## EXERCISE BRIEF:
Report each line of the records below that uses the word "number".

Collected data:
---+---
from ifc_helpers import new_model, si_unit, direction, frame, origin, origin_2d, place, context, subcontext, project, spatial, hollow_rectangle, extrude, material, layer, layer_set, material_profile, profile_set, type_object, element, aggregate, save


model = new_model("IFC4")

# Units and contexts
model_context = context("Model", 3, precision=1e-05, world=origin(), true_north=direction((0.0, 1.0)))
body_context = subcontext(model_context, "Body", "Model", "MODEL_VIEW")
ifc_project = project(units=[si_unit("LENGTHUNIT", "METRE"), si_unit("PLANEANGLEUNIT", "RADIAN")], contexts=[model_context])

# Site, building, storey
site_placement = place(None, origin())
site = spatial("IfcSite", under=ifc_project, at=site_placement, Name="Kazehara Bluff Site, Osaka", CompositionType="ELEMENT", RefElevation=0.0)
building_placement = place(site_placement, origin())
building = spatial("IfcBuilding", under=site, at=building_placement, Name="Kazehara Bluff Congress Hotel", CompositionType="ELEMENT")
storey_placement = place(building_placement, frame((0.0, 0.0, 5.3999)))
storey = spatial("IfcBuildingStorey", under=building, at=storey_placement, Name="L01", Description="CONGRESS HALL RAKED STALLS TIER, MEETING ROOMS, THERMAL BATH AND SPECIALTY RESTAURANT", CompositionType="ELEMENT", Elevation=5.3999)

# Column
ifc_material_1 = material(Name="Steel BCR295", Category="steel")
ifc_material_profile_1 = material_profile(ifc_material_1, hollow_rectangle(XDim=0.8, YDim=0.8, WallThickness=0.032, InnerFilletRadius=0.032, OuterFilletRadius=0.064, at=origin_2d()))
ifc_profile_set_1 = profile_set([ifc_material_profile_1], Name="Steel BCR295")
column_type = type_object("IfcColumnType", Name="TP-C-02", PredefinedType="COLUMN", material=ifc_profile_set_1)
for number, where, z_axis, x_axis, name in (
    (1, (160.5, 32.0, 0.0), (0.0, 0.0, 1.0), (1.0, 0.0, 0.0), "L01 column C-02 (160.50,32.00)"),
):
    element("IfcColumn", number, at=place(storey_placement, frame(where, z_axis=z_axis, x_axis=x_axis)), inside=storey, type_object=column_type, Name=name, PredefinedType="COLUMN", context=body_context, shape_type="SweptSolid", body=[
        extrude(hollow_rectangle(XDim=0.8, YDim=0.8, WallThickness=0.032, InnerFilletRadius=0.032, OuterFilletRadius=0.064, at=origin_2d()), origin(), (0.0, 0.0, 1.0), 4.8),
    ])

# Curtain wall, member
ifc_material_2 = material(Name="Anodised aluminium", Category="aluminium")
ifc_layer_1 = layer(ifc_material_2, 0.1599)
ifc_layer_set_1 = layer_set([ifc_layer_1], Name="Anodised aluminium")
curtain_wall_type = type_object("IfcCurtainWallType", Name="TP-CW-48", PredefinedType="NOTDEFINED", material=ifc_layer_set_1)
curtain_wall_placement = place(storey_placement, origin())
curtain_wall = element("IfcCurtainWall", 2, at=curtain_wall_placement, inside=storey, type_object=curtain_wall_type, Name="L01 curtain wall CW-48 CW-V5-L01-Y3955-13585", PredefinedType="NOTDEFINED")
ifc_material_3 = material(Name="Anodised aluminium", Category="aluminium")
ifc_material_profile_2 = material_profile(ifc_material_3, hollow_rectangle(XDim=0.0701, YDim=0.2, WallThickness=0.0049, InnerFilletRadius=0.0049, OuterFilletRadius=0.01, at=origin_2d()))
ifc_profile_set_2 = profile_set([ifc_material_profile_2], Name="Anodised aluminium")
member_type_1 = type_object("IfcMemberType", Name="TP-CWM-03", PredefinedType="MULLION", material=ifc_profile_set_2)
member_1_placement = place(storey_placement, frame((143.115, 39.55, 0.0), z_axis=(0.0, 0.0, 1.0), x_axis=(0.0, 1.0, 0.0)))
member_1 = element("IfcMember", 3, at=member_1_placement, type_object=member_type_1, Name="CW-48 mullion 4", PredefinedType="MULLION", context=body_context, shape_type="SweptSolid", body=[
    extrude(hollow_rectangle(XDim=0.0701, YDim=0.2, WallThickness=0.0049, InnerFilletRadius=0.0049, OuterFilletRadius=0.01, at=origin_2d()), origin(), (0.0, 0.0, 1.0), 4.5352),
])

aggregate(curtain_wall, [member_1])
---+---
## RESULT OF THE EXERCISE:
for number, where, z_axis, x_axis, name in (
    element("IfcColumn", number, at=place(storey_placement, frame(where, z_axis=z_axis, x_axis=x_axis)), inside=storey, type_object=column_type, Name=name, PredefinedType="COLUMN", context=body_context, shape_type="SweptSolid", body=[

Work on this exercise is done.